> _BRIEF_: Return all lines from the entries below in which the word "IFCPRODUCTDEFINITIONSHAPE" is present.

> _ENTRIES PROVIDED_:
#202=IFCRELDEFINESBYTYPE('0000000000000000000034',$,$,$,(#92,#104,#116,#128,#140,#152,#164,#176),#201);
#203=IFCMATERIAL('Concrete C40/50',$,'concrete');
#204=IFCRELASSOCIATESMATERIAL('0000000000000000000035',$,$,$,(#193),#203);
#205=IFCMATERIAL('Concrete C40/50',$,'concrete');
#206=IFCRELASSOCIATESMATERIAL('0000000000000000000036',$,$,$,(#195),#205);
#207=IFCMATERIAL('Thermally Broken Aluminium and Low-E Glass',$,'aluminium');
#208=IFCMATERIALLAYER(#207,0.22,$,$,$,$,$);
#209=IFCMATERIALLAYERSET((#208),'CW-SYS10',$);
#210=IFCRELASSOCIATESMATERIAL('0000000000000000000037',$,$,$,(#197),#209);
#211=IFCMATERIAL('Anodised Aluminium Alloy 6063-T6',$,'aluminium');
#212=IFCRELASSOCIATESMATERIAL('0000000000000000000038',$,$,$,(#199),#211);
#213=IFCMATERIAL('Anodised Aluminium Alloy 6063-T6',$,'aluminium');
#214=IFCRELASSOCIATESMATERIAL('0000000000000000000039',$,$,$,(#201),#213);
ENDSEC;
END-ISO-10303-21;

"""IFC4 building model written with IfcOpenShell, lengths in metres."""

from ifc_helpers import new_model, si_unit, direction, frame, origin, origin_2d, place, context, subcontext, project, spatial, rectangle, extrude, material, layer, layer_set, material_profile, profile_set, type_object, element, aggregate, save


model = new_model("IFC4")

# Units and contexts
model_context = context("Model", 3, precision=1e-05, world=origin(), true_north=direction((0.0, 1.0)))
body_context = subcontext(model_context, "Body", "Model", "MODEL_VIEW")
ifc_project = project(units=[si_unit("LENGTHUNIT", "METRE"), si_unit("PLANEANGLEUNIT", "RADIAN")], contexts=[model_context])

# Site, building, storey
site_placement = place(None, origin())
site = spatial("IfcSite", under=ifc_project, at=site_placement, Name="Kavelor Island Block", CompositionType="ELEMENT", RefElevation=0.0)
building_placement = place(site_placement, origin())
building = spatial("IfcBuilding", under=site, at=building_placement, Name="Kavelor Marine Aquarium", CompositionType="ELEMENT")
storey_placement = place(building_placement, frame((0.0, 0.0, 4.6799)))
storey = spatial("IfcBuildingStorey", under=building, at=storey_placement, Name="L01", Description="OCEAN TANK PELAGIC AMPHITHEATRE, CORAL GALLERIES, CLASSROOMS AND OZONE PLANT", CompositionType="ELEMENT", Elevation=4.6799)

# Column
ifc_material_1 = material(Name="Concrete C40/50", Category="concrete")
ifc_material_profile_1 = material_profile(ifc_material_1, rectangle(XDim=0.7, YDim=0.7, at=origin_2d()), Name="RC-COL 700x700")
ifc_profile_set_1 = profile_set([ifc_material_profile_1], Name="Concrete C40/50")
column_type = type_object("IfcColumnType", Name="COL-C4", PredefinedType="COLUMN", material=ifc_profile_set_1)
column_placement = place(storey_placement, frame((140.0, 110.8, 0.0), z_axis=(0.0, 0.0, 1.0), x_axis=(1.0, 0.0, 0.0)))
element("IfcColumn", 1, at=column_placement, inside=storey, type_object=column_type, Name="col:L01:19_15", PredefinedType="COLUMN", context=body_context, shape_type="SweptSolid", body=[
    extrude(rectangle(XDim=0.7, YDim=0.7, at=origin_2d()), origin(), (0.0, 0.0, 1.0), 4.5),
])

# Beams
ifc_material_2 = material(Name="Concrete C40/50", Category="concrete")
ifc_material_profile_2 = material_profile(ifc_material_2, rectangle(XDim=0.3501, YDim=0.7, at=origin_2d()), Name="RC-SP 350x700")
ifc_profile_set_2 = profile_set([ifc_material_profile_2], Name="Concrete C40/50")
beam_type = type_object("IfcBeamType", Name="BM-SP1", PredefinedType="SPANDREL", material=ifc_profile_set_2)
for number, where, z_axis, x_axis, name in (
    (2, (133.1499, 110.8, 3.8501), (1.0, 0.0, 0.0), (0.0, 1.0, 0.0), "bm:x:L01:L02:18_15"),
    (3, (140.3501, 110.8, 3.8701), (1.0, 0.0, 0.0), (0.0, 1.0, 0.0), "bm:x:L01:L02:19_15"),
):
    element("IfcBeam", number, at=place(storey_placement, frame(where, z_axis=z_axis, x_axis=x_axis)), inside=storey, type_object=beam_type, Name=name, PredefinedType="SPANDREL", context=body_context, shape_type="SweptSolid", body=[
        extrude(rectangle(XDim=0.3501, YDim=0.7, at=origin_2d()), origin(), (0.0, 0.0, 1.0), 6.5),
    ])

...

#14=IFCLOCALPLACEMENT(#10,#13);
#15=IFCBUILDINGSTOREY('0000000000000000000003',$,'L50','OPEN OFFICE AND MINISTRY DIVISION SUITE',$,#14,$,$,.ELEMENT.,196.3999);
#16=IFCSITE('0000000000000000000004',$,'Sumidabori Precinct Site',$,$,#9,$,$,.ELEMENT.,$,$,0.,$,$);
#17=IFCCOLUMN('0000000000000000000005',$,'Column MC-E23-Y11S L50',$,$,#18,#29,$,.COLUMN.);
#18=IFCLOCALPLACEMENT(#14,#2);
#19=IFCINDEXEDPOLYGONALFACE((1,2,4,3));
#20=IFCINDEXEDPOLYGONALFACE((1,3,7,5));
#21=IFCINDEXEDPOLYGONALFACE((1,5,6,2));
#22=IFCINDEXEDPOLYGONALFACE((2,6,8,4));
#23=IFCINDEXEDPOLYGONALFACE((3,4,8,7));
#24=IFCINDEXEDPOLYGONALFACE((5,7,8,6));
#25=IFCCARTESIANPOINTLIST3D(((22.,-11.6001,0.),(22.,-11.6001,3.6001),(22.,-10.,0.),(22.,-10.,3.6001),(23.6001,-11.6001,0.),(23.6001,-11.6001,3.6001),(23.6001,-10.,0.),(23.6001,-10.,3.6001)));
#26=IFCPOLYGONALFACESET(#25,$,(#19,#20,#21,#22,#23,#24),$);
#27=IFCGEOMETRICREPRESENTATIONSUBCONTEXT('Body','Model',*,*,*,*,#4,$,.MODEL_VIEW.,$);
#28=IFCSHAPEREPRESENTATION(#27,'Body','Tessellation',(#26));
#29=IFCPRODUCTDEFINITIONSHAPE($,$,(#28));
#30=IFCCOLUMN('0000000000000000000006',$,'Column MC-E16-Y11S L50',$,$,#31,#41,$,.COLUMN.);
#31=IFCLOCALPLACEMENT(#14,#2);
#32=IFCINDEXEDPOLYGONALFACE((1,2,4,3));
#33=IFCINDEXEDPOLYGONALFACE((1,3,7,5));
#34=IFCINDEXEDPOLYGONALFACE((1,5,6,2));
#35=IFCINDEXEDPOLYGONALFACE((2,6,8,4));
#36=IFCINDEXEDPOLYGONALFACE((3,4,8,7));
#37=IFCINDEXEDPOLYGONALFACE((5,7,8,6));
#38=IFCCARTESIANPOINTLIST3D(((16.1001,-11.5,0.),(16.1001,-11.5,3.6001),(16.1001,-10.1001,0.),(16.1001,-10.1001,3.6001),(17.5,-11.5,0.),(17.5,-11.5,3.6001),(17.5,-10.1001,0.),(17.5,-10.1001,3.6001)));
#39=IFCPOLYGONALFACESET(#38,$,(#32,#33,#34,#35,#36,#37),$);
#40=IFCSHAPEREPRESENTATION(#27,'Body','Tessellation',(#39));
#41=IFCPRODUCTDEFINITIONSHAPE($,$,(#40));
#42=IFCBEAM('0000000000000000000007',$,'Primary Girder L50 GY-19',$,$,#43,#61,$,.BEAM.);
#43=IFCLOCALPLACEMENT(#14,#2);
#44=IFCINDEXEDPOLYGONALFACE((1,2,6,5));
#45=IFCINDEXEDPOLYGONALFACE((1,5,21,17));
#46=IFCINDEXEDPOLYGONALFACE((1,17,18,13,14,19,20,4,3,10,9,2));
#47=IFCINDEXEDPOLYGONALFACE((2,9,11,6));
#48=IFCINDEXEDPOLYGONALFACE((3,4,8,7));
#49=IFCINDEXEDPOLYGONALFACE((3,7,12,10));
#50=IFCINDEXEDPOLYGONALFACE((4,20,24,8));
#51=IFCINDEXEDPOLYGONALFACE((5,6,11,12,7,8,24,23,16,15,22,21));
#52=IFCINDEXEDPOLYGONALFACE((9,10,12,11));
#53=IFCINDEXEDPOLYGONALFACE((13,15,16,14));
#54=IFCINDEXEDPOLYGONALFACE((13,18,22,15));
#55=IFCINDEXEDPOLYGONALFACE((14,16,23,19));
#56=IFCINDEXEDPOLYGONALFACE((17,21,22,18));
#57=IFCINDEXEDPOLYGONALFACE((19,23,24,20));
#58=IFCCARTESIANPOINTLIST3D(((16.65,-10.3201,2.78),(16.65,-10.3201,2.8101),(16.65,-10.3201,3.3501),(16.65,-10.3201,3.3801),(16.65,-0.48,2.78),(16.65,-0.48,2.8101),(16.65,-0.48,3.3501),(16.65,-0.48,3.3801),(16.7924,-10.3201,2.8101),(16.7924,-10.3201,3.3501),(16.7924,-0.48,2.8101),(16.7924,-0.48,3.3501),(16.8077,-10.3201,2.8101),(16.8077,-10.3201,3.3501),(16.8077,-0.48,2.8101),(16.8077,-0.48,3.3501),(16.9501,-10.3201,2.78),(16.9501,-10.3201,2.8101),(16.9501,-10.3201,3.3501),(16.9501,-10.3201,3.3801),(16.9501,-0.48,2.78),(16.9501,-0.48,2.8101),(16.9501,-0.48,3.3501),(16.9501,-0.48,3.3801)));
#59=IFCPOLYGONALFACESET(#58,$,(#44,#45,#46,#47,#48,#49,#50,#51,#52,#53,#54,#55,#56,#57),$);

> _WRITTEN SOLUTION_:
#29=IFCPRODUCTDEFINITIONSHAPE($,$,(#28));
#41=IFCPRODUCTDEFINITIONSHAPE($,$,(#40));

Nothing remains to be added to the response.